Task brief » Once you find the line with "# Units and contexts" in the data that follows, repeat it and every line after it exactly, through the line with "SUITE, GUEST ROOM".

Records from a dataset
================

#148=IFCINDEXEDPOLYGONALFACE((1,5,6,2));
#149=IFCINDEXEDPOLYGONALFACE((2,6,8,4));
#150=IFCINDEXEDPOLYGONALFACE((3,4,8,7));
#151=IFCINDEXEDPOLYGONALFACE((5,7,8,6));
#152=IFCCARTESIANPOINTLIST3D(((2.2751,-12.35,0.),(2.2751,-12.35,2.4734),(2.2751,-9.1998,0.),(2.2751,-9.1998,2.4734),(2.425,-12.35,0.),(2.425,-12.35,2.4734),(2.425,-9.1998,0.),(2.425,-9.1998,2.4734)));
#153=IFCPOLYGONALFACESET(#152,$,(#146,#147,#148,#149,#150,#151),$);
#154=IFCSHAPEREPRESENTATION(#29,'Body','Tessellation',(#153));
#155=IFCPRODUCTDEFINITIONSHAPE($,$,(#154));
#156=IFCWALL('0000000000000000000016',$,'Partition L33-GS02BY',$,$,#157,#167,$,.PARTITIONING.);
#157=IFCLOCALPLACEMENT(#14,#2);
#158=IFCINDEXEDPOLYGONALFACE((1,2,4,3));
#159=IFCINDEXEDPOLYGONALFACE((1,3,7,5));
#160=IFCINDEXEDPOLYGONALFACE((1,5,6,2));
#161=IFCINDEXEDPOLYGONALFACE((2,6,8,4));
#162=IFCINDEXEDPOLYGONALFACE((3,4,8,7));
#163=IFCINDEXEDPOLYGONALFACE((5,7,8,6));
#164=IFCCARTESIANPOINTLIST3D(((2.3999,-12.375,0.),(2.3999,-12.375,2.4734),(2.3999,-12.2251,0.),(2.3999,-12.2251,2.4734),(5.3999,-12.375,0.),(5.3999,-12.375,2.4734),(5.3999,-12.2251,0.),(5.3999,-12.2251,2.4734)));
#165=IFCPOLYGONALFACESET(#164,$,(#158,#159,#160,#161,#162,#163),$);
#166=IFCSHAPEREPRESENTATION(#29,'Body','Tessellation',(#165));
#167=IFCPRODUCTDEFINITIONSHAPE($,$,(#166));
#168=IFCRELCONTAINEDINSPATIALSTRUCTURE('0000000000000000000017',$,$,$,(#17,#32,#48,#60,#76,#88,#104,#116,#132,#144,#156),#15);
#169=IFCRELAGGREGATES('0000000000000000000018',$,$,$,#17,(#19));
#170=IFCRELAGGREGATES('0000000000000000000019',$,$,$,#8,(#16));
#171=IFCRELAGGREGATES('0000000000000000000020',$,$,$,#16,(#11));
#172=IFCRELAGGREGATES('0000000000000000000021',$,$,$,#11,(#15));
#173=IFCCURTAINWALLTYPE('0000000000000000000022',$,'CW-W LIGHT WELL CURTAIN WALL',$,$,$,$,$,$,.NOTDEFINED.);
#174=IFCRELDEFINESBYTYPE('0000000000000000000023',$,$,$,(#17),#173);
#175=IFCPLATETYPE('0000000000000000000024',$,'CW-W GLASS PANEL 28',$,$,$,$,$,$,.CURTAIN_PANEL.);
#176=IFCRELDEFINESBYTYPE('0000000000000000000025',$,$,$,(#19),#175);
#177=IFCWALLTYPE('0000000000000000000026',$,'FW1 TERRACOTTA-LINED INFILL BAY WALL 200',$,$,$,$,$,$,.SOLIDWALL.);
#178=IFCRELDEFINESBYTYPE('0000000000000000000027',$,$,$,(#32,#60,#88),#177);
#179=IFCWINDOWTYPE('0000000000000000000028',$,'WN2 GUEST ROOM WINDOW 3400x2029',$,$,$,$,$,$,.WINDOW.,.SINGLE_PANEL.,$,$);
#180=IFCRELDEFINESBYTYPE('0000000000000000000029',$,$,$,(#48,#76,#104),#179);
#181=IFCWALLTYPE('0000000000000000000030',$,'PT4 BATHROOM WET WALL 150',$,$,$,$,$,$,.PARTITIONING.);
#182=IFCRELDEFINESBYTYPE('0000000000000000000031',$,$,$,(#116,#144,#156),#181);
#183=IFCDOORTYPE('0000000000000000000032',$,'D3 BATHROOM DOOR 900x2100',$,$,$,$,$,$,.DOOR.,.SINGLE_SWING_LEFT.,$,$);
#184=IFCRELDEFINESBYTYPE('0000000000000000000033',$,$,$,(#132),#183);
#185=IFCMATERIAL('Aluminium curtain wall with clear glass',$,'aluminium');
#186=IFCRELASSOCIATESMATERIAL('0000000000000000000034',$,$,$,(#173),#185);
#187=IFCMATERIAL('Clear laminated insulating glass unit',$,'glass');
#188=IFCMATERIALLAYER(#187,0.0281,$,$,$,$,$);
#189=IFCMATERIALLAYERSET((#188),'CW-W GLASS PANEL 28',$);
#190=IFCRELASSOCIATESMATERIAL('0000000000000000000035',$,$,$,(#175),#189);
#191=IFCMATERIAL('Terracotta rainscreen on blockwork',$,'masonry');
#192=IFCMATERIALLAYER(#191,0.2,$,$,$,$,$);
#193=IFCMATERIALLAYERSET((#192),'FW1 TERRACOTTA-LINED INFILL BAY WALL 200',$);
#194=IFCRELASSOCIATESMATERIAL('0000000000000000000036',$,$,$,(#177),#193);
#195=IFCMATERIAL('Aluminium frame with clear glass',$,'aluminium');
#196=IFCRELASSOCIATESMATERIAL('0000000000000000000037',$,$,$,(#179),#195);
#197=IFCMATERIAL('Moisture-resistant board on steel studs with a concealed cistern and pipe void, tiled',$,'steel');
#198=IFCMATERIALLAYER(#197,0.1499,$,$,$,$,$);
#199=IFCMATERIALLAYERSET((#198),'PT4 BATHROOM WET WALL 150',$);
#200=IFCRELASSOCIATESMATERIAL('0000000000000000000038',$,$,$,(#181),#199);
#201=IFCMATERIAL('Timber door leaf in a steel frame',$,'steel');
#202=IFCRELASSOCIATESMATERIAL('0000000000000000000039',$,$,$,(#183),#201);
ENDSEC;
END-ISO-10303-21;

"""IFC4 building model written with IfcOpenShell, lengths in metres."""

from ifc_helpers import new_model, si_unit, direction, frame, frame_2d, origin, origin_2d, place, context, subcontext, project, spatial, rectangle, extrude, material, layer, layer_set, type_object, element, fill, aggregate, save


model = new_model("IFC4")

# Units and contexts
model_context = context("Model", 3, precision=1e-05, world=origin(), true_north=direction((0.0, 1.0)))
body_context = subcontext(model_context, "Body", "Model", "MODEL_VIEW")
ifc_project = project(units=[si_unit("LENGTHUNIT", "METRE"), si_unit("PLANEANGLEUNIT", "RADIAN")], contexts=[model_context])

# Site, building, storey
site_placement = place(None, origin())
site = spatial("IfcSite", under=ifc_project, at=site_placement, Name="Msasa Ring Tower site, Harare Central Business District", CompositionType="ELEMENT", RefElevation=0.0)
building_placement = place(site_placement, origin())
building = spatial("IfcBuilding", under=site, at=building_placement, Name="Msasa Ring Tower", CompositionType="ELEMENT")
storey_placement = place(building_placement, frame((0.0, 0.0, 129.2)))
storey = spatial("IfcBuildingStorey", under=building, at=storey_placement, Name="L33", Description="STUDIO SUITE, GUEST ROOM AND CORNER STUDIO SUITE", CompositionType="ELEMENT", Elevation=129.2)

================

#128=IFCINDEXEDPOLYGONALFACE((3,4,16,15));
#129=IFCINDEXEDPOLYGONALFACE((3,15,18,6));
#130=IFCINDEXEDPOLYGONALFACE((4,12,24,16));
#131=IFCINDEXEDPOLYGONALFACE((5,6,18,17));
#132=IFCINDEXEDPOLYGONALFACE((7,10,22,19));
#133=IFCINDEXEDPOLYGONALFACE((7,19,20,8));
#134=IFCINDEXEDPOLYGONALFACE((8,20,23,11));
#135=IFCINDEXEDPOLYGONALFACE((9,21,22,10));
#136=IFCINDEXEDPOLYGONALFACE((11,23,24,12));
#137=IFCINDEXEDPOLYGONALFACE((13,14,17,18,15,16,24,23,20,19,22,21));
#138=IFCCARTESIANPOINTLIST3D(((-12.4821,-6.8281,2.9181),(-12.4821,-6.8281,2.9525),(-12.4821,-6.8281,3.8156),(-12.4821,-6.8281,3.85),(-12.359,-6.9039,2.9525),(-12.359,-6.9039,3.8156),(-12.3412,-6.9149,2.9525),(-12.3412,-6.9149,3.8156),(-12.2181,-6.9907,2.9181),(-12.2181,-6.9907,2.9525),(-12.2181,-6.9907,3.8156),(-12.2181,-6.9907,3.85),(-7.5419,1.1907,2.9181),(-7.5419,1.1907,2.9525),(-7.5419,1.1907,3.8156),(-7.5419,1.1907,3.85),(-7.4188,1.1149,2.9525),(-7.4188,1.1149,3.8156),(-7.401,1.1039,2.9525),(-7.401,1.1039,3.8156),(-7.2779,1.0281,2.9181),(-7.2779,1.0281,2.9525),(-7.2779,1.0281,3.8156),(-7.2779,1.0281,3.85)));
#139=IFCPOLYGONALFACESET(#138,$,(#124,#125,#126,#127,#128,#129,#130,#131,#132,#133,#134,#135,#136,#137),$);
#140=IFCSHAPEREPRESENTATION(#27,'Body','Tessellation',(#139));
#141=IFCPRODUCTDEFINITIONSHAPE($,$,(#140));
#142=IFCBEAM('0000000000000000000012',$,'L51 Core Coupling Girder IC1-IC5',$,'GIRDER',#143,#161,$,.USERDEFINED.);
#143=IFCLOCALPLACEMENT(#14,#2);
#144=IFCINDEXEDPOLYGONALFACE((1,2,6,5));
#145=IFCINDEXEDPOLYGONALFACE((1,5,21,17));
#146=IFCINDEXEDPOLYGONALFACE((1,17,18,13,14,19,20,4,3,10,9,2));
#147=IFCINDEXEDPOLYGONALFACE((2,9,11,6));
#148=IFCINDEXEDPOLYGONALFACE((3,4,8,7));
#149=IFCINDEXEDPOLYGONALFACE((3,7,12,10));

================

Output of the exercise »
# Units and contexts
model_context = context("Model", 3, precision=1e-05, world=origin(), true_north=direction((0.0, 1.0)))
body_context = subcontext(model_context, "Body", "Model", "MODEL_VIEW")
ifc_project = project(units=[si_unit("LENGTHUNIT", "METRE"), si_unit("PLANEANGLEUNIT", "RADIAN")], contexts=[model_context])

# Site, building, storey
site_placement = place(None, origin())
site = spatial("IfcSite", under=ifc_project, at=site_placement, Name="Msasa Ring Tower site, Harare Central Business District", CompositionType="ELEMENT", RefElevation=0.0)
building_placement = place(site_placement, origin())
building = spatial("IfcBuilding", under=site, at=building_placement, Name="Msasa Ring Tower", CompositionType="ELEMENT")
storey_placement = place(building_placement, frame((0.0, 0.0, 129.2)))
storey = spatial("IfcBuildingStorey", under=building, at=storey_placement, Name="L33", Description="STUDIO SUITE, GUEST ROOM AND CORNER STUDIO SUITE", CompositionType="ELEMENT", Elevation=129.2)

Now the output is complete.